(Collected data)
··········

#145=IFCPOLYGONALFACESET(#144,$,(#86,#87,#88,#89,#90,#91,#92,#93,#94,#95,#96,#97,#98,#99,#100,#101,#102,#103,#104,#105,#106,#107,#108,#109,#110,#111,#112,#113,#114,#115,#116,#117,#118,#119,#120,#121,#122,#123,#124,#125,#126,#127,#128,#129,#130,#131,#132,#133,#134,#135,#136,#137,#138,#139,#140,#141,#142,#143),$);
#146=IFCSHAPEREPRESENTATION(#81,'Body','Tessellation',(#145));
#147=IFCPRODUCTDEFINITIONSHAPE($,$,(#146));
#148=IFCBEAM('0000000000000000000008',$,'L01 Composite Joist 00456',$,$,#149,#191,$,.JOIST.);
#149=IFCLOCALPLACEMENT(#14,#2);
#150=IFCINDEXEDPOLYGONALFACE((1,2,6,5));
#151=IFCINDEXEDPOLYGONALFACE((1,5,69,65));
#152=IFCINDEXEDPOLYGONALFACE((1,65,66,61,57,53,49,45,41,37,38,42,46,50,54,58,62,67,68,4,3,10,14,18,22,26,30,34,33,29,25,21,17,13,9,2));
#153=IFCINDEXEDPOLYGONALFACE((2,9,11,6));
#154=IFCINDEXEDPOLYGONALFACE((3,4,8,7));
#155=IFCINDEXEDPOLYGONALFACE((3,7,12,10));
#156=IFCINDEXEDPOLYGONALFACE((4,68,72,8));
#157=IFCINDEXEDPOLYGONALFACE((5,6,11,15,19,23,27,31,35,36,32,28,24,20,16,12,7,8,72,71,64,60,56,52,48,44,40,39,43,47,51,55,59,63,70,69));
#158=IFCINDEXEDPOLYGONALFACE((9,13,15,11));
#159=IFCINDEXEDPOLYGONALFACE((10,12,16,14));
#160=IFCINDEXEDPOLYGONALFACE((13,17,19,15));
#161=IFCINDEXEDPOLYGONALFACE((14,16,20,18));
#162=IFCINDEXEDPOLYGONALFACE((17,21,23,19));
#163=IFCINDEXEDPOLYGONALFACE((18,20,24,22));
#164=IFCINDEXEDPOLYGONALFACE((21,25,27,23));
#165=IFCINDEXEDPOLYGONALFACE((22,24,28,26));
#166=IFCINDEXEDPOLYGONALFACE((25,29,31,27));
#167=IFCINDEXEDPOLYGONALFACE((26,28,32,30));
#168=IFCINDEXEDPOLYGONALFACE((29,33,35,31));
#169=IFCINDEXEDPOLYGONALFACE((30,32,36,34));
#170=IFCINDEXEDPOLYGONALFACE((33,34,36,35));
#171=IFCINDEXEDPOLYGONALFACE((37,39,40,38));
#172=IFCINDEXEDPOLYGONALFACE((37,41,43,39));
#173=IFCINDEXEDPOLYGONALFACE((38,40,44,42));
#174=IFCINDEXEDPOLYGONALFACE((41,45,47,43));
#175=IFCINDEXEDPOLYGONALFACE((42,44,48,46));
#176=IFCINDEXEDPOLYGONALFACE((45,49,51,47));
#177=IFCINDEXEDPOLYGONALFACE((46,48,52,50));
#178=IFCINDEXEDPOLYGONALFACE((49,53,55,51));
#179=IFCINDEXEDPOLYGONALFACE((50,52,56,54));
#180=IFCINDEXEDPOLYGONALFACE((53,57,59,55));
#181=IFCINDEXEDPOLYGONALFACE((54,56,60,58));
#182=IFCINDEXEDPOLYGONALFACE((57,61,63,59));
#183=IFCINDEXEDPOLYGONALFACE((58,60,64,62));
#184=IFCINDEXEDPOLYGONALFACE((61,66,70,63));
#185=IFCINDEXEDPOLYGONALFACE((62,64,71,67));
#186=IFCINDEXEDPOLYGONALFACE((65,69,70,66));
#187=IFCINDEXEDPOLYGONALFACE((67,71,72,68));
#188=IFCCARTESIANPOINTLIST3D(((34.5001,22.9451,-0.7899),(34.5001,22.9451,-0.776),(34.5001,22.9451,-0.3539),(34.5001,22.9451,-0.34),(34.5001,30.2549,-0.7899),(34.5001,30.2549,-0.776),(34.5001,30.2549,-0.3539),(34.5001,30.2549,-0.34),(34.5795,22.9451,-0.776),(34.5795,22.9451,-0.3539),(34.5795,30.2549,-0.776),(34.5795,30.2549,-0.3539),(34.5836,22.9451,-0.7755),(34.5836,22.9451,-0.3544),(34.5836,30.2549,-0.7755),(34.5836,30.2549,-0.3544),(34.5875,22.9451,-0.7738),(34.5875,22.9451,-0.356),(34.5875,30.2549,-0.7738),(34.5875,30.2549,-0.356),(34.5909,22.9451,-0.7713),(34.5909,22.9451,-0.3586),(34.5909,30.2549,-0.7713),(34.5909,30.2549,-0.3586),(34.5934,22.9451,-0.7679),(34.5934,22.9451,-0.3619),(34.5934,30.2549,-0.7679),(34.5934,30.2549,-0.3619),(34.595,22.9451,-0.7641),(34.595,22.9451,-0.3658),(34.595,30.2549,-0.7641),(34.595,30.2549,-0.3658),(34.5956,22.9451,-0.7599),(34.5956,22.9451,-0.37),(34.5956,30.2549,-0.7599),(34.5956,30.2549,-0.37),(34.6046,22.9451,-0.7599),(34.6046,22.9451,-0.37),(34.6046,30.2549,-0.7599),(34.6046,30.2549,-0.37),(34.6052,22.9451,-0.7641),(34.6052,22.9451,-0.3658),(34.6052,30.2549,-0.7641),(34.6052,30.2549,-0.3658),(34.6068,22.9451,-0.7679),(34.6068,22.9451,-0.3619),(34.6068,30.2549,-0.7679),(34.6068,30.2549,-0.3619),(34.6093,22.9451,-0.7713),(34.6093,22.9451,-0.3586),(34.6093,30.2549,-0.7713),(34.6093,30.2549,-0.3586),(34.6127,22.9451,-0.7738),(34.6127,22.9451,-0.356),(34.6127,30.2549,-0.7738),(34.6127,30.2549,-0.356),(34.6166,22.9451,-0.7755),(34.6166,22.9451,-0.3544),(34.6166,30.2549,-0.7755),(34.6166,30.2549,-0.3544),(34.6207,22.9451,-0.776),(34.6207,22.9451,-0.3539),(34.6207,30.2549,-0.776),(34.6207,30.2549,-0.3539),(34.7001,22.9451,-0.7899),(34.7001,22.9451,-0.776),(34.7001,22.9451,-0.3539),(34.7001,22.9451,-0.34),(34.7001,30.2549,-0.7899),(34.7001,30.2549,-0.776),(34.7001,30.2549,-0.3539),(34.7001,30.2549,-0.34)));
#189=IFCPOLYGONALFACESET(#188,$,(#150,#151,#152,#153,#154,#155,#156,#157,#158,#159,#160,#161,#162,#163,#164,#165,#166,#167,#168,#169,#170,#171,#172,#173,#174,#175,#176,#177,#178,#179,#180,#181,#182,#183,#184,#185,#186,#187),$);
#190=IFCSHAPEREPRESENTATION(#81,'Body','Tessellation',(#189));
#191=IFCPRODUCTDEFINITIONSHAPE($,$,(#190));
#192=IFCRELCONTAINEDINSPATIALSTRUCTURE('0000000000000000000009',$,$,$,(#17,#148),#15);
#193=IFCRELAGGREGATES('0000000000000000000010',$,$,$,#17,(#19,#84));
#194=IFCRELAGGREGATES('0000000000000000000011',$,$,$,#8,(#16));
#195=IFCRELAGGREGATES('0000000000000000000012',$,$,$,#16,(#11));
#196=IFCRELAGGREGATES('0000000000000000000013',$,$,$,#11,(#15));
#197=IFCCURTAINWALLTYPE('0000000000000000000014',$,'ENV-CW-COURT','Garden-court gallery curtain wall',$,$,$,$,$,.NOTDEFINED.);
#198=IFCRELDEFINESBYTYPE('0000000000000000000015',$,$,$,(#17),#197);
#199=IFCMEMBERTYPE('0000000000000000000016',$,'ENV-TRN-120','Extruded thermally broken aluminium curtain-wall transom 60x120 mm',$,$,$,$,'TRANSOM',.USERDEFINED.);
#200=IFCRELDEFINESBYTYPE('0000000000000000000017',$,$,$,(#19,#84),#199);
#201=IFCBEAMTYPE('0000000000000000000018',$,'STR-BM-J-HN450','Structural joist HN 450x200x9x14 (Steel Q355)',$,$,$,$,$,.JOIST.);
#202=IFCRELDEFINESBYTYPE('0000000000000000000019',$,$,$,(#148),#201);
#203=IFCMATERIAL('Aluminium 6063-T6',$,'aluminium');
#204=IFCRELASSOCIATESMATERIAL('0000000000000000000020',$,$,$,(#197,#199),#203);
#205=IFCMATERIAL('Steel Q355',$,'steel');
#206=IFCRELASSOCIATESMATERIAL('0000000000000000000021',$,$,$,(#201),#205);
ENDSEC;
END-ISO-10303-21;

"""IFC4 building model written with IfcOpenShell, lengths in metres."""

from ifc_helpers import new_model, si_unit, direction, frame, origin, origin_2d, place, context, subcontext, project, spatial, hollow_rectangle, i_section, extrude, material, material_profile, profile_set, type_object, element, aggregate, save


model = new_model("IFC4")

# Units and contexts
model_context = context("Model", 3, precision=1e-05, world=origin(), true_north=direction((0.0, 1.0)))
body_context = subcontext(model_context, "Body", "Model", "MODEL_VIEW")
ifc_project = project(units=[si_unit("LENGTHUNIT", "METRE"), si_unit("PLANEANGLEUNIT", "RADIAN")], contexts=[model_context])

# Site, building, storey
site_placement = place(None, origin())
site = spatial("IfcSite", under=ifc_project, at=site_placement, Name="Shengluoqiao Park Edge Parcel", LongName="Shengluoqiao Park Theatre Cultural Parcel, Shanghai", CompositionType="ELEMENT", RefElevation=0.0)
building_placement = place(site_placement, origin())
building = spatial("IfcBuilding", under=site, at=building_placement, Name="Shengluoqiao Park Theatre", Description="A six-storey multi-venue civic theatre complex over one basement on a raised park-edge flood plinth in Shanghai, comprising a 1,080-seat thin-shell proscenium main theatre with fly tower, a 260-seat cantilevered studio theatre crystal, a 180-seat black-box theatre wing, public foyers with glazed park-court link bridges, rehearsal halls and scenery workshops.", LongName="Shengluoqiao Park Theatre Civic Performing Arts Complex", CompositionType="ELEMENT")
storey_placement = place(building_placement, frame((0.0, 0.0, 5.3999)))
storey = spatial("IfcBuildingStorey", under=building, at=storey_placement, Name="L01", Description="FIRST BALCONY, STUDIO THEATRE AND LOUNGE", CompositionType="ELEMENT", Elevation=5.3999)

··········

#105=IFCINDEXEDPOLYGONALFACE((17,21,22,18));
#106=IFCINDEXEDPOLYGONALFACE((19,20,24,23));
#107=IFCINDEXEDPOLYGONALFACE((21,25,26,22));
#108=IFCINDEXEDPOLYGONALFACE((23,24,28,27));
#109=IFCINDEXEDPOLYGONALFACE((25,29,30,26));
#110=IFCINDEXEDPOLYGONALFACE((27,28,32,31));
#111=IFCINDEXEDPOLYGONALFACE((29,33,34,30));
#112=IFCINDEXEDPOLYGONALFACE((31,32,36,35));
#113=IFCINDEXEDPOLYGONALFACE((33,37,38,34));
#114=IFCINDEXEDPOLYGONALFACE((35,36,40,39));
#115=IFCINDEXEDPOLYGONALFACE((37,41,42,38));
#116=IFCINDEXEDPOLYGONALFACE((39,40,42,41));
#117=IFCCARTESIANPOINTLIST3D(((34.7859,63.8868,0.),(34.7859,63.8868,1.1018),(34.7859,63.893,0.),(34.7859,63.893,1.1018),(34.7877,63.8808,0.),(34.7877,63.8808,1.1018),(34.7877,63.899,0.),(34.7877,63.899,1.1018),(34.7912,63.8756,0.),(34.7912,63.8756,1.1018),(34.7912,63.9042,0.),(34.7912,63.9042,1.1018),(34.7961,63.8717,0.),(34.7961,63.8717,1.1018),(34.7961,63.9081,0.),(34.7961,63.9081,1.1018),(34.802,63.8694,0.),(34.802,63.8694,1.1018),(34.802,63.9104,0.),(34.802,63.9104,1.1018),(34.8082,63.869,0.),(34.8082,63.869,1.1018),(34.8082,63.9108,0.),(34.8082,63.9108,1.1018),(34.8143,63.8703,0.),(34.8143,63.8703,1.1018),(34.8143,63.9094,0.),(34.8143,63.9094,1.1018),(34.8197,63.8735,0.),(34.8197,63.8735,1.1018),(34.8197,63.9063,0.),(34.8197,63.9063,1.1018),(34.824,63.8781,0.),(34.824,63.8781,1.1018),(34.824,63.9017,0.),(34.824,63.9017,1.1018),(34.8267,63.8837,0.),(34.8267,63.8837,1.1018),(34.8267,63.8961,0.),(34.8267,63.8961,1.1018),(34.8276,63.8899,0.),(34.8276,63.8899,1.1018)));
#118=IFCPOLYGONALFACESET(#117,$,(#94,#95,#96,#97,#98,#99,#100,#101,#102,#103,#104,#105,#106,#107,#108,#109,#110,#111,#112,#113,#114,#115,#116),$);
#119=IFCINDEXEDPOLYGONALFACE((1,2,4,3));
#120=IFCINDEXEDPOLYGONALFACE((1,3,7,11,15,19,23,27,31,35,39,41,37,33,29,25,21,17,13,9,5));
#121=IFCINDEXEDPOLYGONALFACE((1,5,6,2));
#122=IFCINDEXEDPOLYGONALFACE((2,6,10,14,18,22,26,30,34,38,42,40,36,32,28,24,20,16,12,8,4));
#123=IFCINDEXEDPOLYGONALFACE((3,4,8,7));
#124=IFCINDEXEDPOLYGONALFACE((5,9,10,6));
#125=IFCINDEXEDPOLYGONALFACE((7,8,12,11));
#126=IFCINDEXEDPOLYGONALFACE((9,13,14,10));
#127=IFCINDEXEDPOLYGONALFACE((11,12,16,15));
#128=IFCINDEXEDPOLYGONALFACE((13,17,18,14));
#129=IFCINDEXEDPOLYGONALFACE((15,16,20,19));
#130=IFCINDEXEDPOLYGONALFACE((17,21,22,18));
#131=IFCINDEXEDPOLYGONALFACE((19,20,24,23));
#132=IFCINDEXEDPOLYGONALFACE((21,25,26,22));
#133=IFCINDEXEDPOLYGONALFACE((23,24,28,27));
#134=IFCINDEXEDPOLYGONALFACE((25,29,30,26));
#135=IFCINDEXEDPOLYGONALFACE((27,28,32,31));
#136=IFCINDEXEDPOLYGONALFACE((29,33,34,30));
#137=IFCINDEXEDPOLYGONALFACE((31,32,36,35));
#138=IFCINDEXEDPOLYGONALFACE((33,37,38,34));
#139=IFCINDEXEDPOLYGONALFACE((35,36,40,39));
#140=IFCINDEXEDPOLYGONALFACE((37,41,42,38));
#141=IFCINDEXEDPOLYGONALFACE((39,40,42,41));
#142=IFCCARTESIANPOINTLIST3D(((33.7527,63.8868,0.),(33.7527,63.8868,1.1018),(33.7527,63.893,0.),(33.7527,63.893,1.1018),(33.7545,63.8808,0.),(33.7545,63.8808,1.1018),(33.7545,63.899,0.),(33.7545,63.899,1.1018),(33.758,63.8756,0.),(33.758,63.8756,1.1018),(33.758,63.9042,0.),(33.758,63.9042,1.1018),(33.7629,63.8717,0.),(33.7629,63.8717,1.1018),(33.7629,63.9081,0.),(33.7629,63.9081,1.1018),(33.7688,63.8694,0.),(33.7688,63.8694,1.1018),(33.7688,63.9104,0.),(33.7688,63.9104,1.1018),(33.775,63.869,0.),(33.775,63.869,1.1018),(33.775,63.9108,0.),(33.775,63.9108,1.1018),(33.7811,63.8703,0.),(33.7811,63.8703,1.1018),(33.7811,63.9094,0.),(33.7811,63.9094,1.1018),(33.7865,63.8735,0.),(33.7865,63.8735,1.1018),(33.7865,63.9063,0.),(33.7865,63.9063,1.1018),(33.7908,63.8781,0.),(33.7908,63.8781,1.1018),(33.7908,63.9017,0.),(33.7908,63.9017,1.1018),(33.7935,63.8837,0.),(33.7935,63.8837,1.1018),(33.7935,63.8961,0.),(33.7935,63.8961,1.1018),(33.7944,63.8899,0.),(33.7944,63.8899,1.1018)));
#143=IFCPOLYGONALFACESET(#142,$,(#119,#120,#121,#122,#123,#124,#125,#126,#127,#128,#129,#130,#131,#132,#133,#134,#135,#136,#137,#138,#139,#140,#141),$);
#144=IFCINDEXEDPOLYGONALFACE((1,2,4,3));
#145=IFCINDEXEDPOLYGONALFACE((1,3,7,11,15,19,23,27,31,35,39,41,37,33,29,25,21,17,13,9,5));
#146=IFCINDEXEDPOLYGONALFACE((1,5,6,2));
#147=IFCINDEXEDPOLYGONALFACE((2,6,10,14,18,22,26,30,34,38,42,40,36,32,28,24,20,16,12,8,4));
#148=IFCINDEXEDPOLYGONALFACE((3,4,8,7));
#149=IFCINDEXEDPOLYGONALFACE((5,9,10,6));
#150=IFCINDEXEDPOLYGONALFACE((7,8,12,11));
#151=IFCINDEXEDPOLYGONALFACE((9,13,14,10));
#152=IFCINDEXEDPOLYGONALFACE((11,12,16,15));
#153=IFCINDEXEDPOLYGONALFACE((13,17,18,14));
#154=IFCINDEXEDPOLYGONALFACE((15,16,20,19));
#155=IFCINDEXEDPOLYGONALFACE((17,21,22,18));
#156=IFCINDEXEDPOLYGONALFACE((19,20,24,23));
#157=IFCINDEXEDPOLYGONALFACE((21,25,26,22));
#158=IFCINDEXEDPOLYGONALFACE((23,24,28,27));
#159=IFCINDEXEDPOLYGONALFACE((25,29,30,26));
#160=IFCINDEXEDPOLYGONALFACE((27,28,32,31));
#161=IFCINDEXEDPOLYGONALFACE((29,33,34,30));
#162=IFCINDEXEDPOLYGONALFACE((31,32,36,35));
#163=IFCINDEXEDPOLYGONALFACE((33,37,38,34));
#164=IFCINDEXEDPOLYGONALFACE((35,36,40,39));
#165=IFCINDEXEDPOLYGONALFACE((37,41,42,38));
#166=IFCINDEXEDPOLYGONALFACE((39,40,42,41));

··········

**Aim of the exercise:** Could you work out how many lines of the data above contain the word "subcontext"? Give only the number.

**Solution for this exercise:** 2